Stored data Start Marker

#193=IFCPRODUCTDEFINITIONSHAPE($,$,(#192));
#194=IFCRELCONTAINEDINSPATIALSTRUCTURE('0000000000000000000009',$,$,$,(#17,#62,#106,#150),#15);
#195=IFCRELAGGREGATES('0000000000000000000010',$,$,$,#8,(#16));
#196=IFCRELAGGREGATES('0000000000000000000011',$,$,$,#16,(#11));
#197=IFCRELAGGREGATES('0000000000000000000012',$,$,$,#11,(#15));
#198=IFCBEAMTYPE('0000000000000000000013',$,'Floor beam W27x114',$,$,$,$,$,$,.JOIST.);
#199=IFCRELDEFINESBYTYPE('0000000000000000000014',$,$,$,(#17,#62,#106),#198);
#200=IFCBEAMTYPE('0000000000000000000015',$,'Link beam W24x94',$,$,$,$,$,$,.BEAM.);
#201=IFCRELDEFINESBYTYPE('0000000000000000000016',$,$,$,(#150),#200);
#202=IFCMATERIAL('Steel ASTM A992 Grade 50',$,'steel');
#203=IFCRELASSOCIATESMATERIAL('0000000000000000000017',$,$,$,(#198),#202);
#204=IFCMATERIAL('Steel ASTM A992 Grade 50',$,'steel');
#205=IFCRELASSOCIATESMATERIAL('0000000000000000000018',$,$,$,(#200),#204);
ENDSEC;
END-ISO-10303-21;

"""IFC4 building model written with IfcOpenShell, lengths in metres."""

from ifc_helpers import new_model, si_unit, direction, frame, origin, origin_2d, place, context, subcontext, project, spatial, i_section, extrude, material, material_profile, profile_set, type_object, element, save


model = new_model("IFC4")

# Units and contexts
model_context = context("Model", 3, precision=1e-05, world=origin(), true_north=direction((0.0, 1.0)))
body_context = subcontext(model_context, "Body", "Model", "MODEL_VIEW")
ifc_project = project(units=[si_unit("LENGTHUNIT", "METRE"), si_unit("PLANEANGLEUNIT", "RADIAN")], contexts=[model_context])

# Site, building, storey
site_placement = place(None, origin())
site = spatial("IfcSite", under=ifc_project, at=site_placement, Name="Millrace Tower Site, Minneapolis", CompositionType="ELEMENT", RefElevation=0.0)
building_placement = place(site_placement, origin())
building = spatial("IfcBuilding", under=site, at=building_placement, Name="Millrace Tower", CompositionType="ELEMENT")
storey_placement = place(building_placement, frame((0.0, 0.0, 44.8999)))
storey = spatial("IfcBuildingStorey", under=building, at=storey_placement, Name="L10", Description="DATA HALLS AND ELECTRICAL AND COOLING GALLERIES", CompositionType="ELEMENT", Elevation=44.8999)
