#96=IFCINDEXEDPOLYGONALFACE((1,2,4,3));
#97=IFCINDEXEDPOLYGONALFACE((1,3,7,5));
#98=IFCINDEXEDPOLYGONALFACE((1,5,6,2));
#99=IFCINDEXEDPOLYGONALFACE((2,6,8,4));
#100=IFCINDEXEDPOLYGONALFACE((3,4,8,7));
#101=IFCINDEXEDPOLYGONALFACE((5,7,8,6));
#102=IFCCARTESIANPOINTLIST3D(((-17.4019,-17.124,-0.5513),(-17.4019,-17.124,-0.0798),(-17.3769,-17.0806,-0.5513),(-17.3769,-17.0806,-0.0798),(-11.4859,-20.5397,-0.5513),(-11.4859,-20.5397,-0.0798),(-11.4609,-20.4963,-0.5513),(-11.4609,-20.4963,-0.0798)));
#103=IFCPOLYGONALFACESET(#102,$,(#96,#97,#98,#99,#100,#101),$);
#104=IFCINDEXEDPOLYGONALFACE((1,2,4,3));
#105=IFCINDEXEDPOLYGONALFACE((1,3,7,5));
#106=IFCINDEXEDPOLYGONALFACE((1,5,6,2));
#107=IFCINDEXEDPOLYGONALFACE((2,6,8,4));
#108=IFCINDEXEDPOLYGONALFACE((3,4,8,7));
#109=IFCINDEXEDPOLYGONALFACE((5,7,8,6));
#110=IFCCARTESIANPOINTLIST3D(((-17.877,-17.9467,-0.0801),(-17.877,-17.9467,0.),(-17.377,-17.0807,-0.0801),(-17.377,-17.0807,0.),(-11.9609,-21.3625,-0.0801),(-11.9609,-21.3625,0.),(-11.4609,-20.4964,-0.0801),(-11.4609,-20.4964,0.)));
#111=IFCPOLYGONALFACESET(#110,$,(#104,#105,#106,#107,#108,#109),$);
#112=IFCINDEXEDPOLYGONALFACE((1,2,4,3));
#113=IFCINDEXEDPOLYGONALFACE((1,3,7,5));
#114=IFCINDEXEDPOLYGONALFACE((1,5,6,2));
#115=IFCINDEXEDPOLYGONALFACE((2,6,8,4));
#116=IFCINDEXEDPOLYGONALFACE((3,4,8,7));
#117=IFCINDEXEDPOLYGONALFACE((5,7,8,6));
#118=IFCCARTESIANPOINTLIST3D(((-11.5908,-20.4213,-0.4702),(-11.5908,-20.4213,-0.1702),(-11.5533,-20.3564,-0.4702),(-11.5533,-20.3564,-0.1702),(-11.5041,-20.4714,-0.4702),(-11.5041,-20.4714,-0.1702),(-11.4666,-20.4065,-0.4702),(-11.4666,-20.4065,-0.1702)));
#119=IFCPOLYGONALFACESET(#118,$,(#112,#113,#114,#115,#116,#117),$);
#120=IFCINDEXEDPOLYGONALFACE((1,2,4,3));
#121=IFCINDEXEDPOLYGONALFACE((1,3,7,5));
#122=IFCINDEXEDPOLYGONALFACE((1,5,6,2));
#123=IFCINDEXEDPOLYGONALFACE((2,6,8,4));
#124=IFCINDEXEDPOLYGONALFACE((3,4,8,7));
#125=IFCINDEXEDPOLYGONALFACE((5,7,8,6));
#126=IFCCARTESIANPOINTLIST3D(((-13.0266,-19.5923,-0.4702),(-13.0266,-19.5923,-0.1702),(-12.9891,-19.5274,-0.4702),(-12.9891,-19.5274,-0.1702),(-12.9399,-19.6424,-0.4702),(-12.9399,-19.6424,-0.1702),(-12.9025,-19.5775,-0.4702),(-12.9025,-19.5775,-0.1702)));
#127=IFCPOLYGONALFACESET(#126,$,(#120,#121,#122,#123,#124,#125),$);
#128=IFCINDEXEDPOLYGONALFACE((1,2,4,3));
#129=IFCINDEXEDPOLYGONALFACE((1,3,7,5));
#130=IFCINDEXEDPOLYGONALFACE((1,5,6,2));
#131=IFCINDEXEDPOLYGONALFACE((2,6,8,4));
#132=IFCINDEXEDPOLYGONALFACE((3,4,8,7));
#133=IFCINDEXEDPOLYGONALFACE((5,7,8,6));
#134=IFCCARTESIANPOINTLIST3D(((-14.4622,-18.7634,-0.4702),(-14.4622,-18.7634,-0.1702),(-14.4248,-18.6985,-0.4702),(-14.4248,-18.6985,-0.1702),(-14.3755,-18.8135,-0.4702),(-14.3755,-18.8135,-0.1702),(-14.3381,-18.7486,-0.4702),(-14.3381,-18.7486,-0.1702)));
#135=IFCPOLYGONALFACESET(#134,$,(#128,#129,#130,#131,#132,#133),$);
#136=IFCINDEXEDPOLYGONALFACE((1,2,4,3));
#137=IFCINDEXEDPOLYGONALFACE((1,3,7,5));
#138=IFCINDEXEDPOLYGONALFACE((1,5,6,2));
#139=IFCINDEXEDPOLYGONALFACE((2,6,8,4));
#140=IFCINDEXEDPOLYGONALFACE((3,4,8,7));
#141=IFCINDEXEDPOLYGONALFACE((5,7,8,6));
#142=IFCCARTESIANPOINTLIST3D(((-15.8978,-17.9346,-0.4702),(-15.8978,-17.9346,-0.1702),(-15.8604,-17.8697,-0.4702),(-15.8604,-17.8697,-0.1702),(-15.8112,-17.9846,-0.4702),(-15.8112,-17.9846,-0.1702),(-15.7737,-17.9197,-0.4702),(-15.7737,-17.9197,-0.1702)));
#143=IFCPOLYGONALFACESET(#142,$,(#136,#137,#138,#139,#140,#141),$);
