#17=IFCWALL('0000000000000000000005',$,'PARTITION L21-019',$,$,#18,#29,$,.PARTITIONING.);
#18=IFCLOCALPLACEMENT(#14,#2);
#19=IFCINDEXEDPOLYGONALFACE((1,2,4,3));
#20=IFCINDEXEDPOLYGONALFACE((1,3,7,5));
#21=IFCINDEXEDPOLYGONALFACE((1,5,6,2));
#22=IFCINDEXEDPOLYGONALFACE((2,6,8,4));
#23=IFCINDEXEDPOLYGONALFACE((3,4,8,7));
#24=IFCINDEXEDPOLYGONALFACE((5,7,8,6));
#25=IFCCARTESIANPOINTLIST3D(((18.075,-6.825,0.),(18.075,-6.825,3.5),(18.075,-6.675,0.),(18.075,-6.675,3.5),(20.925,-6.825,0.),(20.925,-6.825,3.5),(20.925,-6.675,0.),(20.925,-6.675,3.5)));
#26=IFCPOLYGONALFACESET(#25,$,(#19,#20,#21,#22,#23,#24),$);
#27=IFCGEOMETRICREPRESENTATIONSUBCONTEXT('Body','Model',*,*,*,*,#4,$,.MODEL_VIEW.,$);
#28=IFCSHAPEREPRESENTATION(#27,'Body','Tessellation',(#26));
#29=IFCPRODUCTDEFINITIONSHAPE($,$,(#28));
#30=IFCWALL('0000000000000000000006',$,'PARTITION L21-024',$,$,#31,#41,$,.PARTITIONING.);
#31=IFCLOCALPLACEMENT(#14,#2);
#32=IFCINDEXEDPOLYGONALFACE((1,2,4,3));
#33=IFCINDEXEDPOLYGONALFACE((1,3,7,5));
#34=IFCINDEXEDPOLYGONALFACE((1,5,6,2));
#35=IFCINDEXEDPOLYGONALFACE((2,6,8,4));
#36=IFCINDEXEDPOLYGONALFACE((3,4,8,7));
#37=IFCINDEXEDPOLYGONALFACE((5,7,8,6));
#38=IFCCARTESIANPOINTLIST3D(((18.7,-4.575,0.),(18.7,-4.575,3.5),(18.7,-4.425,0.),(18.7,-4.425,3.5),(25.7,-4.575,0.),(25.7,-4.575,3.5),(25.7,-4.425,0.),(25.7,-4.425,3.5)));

Stored data End Marker

> _What to do_
Exactly the lines above from the one with "from ifc_helpers import" to the one with "#98=IFCINDEXEDPOLYGONALFACE((1,5,6,2));", both included, are to be quoted; leave the rest out.

> _Answer space_
from ifc_helpers import new_model, si_unit, direction, frame, origin, origin_2d, place, context, subcontext, project, spatial, i_section, extrude, material, material_profile, profile_set, type_object, element, save


model = new_model("IFC4")

# Units and contexts
model_context = context("Model", 3, precision=1e-05, world=origin(), true_north=direction((0.0, 1.0)))
body_context = subcontext(model_context, "Body", "Model", "MODEL_VIEW")
ifc_project = project(units=[si_unit("LENGTHUNIT", "METRE"), si_unit("PLANEANGLEUNIT", "RADIAN")], contexts=[model_context])

# Site, building, storey
site_placement = place(None, origin())
site = spatial("IfcSite", under=ifc_project, at=site_placement, Name="Millrace Tower Site, Minneapolis", CompositionType="ELEMENT", RefElevation=0.0)
building_placement = place(site_placement, origin())
building = spatial("IfcBuilding", under=site, at=building_placement, Name="Millrace Tower", CompositionType="ELEMENT")
storey_placement = place(building_placement, frame((0.0, 0.0, 44.8999)))
storey = spatial("IfcBuildingStorey", under=building, at=storey_placement, Name="L10", Description="DATA HALLS AND ELECTRICAL AND COOLING GALLERIES", CompositionType="ELEMENT", Elevation=44.8999)
#96=IFCINDEXEDPOLYGONALFACE((1,2,4,3));
#97=IFCINDEXEDPOLYGONALFACE((1,3,7,5));
#98=IFCINDEXEDPOLYGONALFACE((1,5,6,2));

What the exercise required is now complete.